The records below hold a stretch from the line with "#110=IFCINDEXEDPOLYGONALFACE((7,8,16,15));" through the line with "#120=IFCINDEXEDPOLYGONALFACE((1,9,10,2));"; return exactly those lines, ends included, and nothing more.

[Opening SUPPLIED MATERIAL section]

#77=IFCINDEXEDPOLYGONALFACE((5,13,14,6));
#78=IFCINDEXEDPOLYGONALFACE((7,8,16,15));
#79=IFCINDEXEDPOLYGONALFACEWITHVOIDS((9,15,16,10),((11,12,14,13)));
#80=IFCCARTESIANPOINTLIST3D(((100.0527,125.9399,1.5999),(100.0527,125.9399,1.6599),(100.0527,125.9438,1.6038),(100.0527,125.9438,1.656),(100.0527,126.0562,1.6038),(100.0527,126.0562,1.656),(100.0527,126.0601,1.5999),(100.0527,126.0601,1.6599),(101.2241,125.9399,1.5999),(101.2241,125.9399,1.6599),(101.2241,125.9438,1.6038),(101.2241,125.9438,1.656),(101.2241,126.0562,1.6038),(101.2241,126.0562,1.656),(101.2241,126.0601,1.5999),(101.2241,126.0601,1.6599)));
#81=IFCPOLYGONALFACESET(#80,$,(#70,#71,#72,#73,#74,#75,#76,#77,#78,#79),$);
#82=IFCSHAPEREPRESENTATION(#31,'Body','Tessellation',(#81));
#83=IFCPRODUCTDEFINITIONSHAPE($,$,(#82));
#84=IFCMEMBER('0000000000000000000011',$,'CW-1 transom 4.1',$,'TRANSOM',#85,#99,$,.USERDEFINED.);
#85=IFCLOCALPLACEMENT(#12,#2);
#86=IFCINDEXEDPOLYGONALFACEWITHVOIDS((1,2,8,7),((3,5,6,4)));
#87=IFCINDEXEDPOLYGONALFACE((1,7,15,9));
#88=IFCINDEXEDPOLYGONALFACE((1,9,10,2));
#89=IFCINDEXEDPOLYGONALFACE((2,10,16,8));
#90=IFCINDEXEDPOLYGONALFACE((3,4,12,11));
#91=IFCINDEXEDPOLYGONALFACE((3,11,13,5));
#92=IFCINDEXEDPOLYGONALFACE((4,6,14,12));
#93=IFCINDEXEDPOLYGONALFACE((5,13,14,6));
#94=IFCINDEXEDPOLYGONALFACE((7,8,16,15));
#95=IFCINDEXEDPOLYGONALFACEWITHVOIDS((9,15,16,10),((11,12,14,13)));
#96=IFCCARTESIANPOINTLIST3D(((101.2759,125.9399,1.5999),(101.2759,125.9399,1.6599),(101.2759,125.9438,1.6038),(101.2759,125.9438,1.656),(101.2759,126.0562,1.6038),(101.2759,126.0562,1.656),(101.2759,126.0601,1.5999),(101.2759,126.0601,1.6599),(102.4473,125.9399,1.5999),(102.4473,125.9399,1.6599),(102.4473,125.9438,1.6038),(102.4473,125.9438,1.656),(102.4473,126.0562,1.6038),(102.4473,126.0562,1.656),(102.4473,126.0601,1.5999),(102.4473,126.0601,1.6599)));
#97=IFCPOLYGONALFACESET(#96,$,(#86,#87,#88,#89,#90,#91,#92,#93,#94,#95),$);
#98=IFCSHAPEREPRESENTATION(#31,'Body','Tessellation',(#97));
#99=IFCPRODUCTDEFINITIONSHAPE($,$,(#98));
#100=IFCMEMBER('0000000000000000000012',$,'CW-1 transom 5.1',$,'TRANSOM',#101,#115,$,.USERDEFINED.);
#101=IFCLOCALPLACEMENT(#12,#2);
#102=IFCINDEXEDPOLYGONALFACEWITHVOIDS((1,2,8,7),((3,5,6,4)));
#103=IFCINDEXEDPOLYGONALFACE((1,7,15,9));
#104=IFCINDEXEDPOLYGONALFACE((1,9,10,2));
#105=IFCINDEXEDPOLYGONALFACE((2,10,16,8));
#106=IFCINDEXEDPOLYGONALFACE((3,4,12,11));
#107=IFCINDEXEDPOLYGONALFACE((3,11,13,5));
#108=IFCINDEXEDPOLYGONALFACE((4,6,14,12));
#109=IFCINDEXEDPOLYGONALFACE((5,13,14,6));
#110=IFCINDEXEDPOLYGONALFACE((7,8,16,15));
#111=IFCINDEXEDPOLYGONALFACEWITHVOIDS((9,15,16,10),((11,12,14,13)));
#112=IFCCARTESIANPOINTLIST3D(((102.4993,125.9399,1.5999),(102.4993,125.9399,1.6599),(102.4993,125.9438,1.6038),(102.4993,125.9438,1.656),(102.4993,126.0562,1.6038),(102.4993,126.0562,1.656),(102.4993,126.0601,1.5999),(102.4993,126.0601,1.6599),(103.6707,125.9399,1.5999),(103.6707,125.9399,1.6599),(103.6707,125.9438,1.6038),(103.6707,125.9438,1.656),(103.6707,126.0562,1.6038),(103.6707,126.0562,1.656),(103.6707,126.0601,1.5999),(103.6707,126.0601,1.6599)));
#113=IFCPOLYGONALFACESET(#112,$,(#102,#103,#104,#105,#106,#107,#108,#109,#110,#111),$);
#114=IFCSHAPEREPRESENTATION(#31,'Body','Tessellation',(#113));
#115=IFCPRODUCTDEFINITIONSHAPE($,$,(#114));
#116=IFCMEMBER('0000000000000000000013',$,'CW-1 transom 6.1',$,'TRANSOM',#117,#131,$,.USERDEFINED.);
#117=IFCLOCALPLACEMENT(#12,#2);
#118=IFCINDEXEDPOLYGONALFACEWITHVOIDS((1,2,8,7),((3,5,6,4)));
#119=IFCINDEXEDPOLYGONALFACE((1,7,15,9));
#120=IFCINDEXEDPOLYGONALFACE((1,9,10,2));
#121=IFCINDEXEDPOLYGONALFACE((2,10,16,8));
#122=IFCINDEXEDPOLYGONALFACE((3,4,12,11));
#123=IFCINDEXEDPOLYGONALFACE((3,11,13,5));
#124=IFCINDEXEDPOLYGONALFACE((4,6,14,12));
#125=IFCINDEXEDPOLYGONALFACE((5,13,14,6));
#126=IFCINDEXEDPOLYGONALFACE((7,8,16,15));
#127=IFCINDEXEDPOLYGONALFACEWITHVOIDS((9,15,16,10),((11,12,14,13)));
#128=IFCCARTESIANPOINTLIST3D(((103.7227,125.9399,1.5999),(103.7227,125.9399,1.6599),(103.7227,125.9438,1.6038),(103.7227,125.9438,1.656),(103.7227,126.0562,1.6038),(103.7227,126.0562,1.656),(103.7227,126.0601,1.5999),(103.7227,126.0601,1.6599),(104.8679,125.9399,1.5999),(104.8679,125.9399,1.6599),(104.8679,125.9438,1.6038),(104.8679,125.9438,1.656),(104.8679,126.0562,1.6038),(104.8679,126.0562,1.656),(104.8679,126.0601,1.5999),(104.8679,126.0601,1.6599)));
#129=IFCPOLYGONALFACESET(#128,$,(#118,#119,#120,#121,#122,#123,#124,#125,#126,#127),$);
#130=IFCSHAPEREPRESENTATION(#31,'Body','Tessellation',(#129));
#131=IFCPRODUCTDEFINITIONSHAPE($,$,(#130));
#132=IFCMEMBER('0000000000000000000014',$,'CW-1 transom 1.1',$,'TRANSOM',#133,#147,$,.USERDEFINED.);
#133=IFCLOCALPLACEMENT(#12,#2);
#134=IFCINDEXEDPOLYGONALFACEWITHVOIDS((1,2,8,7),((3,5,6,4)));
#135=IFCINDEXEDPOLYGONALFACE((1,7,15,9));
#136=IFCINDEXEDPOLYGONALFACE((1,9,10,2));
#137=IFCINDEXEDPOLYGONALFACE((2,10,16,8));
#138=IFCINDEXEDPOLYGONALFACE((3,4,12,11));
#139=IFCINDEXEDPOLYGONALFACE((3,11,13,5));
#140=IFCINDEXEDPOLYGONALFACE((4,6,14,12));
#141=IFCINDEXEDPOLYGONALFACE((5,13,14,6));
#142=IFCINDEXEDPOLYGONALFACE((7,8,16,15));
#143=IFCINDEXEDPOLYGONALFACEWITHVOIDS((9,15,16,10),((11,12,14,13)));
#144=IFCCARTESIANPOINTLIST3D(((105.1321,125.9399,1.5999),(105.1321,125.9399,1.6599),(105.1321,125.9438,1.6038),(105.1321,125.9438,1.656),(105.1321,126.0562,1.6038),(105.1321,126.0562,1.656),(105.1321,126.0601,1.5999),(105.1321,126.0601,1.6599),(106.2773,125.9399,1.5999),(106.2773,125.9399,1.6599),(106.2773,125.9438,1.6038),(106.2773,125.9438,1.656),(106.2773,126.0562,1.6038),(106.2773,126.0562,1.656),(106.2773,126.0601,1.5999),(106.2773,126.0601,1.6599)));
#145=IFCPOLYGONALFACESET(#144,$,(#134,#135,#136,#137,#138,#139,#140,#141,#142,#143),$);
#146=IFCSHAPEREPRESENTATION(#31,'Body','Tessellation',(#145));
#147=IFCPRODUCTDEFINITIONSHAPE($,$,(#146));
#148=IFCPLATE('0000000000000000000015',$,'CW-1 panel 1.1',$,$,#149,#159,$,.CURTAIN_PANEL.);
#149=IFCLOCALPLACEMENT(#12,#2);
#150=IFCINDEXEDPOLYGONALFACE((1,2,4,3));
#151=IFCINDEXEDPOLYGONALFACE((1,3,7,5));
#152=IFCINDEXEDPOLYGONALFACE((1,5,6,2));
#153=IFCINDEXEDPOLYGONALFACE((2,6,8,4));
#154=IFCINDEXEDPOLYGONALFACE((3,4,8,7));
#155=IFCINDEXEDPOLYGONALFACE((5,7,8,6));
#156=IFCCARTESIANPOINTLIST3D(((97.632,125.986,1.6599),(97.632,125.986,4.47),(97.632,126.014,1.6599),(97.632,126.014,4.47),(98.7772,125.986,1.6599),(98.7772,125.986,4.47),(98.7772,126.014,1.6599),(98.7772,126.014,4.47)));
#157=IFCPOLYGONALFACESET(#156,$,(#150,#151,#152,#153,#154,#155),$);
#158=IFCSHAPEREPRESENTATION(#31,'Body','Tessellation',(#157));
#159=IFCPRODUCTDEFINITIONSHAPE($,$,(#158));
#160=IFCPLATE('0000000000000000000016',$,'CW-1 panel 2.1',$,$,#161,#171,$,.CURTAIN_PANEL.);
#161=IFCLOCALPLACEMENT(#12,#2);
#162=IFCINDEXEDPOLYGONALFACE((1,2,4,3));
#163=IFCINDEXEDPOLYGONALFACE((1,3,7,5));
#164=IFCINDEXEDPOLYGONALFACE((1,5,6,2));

[Closing SUPPLIED MATERIAL section]

### SOLUTION BELOW
#110=IFCINDEXEDPOLYGONALFACE((7,8,16,15));
#111=IFCINDEXEDPOLYGONALFACEWITHVOIDS((9,15,16,10),((11,12,14,13)));
#112=IFCCARTESIANPOINTLIST3D(((102.4993,125.9399,1.5999),(102.4993,125.9399,1.6599),(102.4993,125.9438,1.6038),(102.4993,125.9438,1.656),(102.4993,126.0562,1.6038),(102.4993,126.0562,1.656),(102.4993,126.0601,1.5999),(102.4993,126.0601,1.6599),(103.6707,125.9399,1.5999),(103.6707,125.9399,1.6599),(103.6707,125.9438,1.6038),(103.6707,125.9438,1.656),(103.6707,126.0562,1.6038),(103.6707,126.0562,1.656),(103.6707,126.0601,1.5999),(103.6707,126.0601,1.6599)));
#113=IFCPOLYGONALFACESET(#112,$,(#102,#103,#104,#105,#106,#107,#108,#109,#110,#111),$);
#114=IFCSHAPEREPRESENTATION(#31,'Body','Tessellation',(#113));
#115=IFCPRODUCTDEFINITIONSHAPE($,$,(#114));
#116=IFCMEMBER('0000000000000000000013',$,'CW-1 transom 6.1',$,'TRANSOM',#117,#131,$,.USERDEFINED.);
#117=IFCLOCALPLACEMENT(#12,#2);
#118=IFCINDEXEDPOLYGONALFACEWITHVOIDS((1,2,8,7),((3,5,6,4)));
#119=IFCINDEXEDPOLYGONALFACE((1,7,15,9));
#120=IFCINDEXEDPOLYGONALFACE((1,9,10,2));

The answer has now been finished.